[Saved entries]
* * * *

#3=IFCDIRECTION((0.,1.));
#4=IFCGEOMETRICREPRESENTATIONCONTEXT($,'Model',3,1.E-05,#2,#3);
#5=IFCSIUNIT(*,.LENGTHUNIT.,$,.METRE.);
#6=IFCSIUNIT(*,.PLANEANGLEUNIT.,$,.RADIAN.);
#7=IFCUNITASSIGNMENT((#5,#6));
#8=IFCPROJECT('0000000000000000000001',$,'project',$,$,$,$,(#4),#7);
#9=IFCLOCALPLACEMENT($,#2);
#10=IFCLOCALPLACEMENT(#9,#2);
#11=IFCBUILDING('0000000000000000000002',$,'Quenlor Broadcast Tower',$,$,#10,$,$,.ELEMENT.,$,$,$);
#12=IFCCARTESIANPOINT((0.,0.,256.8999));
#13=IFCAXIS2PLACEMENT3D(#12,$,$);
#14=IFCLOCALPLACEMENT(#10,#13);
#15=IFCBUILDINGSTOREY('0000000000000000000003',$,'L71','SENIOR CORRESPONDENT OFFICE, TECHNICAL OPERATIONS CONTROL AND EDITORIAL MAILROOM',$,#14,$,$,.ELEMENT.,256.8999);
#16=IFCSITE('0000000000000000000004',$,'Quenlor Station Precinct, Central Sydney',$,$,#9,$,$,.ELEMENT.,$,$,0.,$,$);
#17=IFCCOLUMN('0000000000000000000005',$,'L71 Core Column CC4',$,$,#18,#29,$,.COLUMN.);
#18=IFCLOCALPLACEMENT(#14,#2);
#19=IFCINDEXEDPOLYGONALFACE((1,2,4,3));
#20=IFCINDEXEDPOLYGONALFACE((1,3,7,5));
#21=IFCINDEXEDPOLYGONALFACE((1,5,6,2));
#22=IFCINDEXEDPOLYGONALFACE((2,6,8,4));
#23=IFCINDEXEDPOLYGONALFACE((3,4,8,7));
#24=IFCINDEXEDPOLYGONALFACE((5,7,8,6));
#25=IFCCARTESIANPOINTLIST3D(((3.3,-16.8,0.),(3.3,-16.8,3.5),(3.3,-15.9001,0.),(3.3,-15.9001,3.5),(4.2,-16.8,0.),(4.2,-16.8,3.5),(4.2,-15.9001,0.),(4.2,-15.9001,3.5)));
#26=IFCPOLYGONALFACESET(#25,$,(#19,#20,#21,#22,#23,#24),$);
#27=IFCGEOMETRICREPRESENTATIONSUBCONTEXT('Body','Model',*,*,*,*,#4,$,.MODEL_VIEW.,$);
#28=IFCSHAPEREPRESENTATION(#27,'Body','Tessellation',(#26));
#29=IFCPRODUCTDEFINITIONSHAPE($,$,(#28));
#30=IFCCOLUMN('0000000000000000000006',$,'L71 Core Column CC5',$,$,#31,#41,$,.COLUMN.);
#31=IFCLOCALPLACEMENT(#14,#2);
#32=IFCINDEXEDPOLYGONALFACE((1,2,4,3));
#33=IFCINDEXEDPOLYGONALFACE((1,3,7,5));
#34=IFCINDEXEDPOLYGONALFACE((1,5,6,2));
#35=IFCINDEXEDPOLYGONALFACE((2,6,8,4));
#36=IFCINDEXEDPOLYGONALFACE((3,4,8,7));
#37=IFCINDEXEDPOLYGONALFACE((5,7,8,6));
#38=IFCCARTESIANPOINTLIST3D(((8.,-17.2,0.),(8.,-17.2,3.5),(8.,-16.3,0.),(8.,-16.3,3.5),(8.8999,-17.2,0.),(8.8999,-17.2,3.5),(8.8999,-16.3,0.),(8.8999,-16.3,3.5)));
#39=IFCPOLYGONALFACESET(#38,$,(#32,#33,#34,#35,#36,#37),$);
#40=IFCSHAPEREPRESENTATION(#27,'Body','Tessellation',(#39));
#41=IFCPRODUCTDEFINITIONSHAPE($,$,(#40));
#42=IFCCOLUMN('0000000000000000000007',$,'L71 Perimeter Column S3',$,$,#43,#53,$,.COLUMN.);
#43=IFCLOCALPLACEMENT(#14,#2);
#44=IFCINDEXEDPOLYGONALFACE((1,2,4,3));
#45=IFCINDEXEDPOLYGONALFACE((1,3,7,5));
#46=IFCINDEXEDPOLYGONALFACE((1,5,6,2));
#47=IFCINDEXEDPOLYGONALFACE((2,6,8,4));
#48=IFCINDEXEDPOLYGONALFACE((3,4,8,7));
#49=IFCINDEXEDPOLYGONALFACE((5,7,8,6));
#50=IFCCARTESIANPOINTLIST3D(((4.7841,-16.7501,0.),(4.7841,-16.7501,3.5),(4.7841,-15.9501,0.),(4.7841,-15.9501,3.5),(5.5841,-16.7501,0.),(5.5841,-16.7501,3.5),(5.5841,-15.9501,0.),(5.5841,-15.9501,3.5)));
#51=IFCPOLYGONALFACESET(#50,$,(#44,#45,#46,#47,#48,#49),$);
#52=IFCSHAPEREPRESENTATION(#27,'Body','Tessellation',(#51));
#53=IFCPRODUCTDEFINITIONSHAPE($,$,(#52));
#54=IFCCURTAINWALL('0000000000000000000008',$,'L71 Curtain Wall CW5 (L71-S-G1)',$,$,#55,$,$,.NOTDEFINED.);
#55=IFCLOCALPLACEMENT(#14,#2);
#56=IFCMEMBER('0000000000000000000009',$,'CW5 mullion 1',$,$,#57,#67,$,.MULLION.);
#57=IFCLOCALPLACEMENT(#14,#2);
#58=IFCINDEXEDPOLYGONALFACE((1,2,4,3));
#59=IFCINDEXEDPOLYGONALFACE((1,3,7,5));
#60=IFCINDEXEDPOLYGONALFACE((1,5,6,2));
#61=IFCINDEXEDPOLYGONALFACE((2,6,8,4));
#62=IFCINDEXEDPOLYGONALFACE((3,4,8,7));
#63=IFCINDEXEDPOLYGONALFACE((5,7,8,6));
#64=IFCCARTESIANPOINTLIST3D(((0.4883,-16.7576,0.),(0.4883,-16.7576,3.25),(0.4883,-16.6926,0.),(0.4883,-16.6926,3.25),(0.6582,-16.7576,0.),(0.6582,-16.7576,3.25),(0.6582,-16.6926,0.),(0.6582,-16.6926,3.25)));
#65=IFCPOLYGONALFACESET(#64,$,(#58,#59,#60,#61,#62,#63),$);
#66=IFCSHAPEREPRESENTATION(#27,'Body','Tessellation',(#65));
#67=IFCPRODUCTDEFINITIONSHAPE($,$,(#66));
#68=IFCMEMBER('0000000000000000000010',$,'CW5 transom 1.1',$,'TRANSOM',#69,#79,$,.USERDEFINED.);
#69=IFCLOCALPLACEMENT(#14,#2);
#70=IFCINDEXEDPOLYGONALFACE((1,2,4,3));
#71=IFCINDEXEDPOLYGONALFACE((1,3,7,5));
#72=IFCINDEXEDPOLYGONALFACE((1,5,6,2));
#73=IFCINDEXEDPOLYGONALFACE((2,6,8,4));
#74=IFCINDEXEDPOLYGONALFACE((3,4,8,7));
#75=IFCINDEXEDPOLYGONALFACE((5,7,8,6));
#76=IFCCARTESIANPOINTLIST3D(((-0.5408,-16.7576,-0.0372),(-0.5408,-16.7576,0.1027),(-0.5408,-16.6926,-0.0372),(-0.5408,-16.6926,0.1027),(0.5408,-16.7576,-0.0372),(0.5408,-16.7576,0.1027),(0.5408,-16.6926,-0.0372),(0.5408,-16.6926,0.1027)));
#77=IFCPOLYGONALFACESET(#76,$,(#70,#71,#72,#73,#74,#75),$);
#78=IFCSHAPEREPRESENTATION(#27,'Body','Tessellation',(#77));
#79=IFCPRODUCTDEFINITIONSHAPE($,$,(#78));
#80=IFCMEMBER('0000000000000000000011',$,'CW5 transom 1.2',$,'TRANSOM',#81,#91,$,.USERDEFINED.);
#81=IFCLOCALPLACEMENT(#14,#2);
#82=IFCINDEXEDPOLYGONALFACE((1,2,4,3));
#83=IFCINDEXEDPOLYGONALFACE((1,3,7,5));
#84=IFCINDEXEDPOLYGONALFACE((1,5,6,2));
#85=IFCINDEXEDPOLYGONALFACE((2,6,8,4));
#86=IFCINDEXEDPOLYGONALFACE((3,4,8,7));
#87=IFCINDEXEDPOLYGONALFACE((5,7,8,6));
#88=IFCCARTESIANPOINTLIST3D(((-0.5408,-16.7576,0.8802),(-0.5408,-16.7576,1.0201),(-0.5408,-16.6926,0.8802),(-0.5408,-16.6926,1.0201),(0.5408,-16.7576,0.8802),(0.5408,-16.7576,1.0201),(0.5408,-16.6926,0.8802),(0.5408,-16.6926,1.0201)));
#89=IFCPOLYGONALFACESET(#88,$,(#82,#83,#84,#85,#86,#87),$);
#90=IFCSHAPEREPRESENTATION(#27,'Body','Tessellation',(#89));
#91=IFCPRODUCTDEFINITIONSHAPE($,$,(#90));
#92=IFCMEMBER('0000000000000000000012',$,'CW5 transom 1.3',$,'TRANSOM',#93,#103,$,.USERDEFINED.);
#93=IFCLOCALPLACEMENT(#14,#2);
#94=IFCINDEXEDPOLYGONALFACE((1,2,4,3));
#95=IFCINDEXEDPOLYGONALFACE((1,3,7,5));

* * * *

Directions |
Look above for the line with "#42=IFCCOLUMN('0000000000000000000007',$,'L71 Perimeter Column"; retype exactly that line, every line after it up to the line with "#73=IFCINDEXEDPOLYGONALFACE((2,6,8,4));", and that line too, nothing else.

Answer for the task |
#42=IFCCOLUMN('0000000000000000000007',$,'L71 Perimeter Column S3',$,$,#43,#53,$,.COLUMN.);
#43=IFCLOCALPLACEMENT(#14,#2);
#44=IFCINDEXEDPOLYGONALFACE((1,2,4,3));
#45=IFCINDEXEDPOLYGONALFACE((1,3,7,5));
#46=IFCINDEXEDPOLYGONALFACE((1,5,6,2));
#47=IFCINDEXEDPOLYGONALFACE((2,6,8,4));
#48=IFCINDEXEDPOLYGONALFACE((3,4,8,7));
#49=IFCINDEXEDPOLYGONALFACE((5,7,8,6));
#50=IFCCARTESIANPOINTLIST3D(((4.7841,-16.7501,0.),(4.7841,-16.7501,3.5),(4.7841,-15.9501,0.),(4.7841,-15.9501,3.5),(5.5841,-16.7501,0.),(5.5841,-16.7501,3.5),(5.5841,-15.9501,0.),(5.5841,-15.9501,3.5)));
#51=IFCPOLYGONALFACESET(#50,$,(#44,#45,#46,#47,#48,#49),$);
#52=IFCSHAPEREPRESENTATION(#27,'Body','Tessellation',(#51));
#53=IFCPRODUCTDEFINITIONSHAPE($,$,(#52));
#54=IFCCURTAINWALL('0000000000000000000008',$,'L71 Curtain Wall CW5 (L71-S-G1)',$,$,#55,$,$,.NOTDEFINED.);
#55=IFCLOCALPLACEMENT(#14,#2);
#56=IFCMEMBER('0000000000000000000009',$,'CW5 mullion 1',$,$,#57,#67,$,.MULLION.);
#57=IFCLOCALPLACEMENT(#14,#2);
#58=IFCINDEXEDPOLYGONALFACE((1,2,4,3));
#59=IFCINDEXEDPOLYGONALFACE((1,3,7,5));
#60=IFCINDEXEDPOLYGONALFACE((1,5,6,2));
#61=IFCINDEXEDPOLYGONALFACE((2,6,8,4));
#62=IFCINDEXEDPOLYGONALFACE((3,4,8,7));
#63=IFCINDEXEDPOLYGONALFACE((5,7,8,6));
#64=IFCCARTESIANPOINTLIST3D(((0.4883,-16.7576,0.),(0.4883,-16.7576,3.25),(0.4883,-16.6926,0.),(0.4883,-16.6926,3.25),(0.6582,-16.7576,0.),(0.6582,-16.7576,3.25),(0.6582,-16.6926,0.),(0.6582,-16.6926,3.25)));
#65=IFCPOLYGONALFACESET(#64,$,(#58,#59,#60,#61,#62,#63),$);
#66=IFCSHAPEREPRESENTATION(#27,'Body','Tessellation',(#65));
#67=IFCPRODUCTDEFINITIONSHAPE($,$,(#66));
#68=IFCMEMBER('0000000000000000000010',$,'CW5 transom 1.1',$,'TRANSOM',#69,#79,$,.USERDEFINED.);
#69=IFCLOCALPLACEMENT(#14,#2);
#70=IFCINDEXEDPOLYGONALFACE((1,2,4,3));
#71=IFCINDEXEDPOLYGONALFACE((1,3,7,5));
#72=IFCINDEXEDPOLYGONALFACE((1,5,6,2));
#73=IFCINDEXEDPOLYGONALFACE((2,6,8,4));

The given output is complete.